TASK DATA Block Start
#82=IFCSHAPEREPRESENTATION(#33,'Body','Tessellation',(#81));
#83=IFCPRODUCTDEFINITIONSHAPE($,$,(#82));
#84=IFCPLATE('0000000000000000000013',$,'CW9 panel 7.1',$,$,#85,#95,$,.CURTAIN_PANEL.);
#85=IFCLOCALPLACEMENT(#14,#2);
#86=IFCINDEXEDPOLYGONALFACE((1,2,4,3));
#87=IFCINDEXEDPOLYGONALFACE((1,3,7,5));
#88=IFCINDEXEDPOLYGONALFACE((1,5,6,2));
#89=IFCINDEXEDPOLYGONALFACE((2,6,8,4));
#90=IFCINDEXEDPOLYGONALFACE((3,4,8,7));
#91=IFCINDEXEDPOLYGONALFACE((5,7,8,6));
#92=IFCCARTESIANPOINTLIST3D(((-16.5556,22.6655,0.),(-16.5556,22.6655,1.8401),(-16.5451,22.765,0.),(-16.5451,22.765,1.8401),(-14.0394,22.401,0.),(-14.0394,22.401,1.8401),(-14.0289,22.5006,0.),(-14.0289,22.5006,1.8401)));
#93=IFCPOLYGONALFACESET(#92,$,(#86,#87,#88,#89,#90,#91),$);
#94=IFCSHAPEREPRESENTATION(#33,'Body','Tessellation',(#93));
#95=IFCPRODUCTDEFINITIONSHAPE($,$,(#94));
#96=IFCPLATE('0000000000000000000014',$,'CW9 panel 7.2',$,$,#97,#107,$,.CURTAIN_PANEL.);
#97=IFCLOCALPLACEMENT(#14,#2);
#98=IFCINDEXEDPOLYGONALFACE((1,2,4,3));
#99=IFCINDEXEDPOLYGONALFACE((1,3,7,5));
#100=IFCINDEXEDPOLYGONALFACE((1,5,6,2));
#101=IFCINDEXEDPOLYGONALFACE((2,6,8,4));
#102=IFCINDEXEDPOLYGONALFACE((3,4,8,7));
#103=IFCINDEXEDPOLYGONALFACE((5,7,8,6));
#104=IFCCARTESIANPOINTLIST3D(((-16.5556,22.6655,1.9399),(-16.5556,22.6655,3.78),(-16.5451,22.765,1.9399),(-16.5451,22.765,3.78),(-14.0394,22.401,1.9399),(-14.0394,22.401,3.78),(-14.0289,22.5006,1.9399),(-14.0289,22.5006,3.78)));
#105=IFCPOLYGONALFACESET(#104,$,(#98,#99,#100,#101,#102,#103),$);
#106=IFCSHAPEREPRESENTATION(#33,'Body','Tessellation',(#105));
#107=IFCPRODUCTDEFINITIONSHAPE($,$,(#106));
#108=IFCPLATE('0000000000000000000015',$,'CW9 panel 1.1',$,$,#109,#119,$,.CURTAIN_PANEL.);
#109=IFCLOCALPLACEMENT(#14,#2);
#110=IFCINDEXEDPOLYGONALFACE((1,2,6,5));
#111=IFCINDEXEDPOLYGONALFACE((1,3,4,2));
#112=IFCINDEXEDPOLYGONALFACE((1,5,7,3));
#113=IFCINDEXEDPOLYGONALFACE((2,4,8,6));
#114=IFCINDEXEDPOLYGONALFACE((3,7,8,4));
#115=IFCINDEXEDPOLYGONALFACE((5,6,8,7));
TASK DATA Block End
*WORK REQUEST*. Only the last part of the entries above is needed: please copy the line with "#111=IFCINDEXEDPOLYGONALFACE((1,3,4,2));" and each line after it exactly.

*RESPONSE*.
#111=IFCINDEXEDPOLYGONALFACE((1,3,4,2));
#112=IFCINDEXEDPOLYGONALFACE((1,5,7,3));
#113=IFCINDEXEDPOLYGONALFACE((2,4,8,6));
#114=IFCINDEXEDPOLYGONALFACE((3,7,8,4));
#115=IFCINDEXEDPOLYGONALFACE((5,6,8,7));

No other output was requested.